Saved entries:
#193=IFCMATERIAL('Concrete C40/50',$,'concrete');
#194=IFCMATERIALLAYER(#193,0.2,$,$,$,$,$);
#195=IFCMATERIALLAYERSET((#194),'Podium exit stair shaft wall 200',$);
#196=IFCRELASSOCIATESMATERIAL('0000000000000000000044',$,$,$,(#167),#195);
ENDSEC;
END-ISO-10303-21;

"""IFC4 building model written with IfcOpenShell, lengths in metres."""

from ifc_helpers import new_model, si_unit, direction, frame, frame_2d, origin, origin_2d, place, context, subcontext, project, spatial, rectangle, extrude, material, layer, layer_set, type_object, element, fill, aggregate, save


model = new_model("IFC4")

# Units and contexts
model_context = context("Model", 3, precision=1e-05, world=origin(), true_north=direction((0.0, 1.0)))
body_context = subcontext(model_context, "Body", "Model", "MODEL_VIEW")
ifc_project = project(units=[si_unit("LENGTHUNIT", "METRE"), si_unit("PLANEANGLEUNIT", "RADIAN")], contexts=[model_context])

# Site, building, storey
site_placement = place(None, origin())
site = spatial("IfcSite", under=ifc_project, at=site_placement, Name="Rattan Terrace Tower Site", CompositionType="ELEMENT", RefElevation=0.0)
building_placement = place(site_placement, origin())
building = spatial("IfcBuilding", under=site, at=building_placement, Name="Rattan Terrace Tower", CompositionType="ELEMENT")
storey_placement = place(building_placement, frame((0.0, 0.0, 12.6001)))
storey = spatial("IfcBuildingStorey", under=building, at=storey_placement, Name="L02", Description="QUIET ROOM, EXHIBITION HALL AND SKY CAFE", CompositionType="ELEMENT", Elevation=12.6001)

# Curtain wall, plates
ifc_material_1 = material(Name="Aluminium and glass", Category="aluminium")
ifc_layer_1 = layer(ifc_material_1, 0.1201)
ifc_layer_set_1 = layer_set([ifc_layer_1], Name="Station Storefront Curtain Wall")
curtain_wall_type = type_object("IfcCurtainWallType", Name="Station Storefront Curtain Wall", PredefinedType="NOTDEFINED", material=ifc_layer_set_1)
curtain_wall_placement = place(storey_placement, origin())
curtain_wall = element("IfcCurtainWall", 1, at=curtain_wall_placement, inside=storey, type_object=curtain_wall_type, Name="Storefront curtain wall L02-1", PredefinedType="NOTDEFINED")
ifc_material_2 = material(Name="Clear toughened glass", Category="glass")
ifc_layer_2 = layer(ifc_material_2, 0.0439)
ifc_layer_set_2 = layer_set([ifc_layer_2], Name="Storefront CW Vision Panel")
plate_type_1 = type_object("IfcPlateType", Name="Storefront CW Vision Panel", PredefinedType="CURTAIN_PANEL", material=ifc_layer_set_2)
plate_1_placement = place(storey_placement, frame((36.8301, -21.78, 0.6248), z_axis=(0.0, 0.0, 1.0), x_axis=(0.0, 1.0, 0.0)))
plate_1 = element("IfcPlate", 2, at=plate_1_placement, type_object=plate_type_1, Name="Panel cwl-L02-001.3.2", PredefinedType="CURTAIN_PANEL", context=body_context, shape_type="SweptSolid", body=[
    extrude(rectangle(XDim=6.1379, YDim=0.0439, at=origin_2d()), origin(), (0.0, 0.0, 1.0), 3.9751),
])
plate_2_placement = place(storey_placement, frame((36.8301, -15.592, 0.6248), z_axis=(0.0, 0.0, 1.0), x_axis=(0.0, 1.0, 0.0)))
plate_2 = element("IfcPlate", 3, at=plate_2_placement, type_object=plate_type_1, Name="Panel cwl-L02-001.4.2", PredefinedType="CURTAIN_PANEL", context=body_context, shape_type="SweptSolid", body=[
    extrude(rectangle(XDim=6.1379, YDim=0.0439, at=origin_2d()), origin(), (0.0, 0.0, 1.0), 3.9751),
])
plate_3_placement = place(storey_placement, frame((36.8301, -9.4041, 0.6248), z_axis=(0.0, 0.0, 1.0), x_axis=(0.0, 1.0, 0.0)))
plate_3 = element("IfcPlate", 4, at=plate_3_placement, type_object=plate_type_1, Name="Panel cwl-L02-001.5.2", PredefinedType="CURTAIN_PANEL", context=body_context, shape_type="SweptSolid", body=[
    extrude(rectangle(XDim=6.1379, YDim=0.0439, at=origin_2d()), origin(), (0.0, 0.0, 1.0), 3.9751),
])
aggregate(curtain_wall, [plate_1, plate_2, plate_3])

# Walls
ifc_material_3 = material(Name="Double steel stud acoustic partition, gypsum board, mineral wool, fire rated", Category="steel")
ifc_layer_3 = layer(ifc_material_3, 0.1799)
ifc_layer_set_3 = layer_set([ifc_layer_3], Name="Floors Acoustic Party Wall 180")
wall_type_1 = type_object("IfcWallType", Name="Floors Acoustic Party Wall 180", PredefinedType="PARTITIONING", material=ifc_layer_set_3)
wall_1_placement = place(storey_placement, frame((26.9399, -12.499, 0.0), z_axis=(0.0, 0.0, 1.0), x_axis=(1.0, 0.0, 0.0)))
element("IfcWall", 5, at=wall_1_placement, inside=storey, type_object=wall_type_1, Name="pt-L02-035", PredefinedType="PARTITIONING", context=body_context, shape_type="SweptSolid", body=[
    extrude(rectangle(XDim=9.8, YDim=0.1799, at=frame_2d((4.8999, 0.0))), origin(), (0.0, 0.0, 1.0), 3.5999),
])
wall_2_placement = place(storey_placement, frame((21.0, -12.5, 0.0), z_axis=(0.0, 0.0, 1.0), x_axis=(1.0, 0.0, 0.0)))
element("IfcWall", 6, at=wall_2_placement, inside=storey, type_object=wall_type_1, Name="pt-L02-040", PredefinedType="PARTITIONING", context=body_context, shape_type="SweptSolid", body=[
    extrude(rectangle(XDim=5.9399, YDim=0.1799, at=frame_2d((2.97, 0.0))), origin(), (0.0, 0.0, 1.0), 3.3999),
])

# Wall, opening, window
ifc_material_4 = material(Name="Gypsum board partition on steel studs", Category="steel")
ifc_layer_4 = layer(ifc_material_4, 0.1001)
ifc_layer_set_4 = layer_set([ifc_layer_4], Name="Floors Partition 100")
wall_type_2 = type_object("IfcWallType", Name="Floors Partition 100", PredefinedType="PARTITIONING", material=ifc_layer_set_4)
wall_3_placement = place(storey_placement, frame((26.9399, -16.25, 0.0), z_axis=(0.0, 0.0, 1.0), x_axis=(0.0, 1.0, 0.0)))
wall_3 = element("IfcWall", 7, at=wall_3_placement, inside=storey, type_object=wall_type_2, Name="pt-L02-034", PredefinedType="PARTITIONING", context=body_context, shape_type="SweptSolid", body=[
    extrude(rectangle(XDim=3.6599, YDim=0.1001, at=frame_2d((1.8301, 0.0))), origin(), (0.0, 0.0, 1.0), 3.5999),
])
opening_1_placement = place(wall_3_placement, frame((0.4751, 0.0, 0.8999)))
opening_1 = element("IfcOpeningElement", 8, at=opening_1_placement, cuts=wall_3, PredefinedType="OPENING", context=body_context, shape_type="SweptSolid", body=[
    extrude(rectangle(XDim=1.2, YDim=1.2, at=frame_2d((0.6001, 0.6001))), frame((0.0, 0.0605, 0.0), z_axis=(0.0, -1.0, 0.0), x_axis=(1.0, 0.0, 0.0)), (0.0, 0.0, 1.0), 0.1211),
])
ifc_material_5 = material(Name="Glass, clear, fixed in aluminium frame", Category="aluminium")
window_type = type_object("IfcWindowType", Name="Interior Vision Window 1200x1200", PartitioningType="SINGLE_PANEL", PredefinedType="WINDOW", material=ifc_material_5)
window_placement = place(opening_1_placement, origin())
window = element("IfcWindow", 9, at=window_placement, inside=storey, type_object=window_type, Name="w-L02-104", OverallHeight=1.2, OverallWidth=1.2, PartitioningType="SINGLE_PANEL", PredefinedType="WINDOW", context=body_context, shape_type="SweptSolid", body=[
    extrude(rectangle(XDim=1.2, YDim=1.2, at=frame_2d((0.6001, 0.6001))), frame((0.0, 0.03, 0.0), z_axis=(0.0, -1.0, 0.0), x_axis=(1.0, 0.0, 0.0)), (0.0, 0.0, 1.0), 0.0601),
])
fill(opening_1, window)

**Task directions**
Your answer should consist of all lines above that include the string "board".

**Task response**
ifc_material_3 = material(Name="Double steel stud acoustic partition, gypsum board, mineral wool, fire rated", Category="steel")
ifc_material_4 = material(Name="Gypsum board partition on steel studs", Category="steel")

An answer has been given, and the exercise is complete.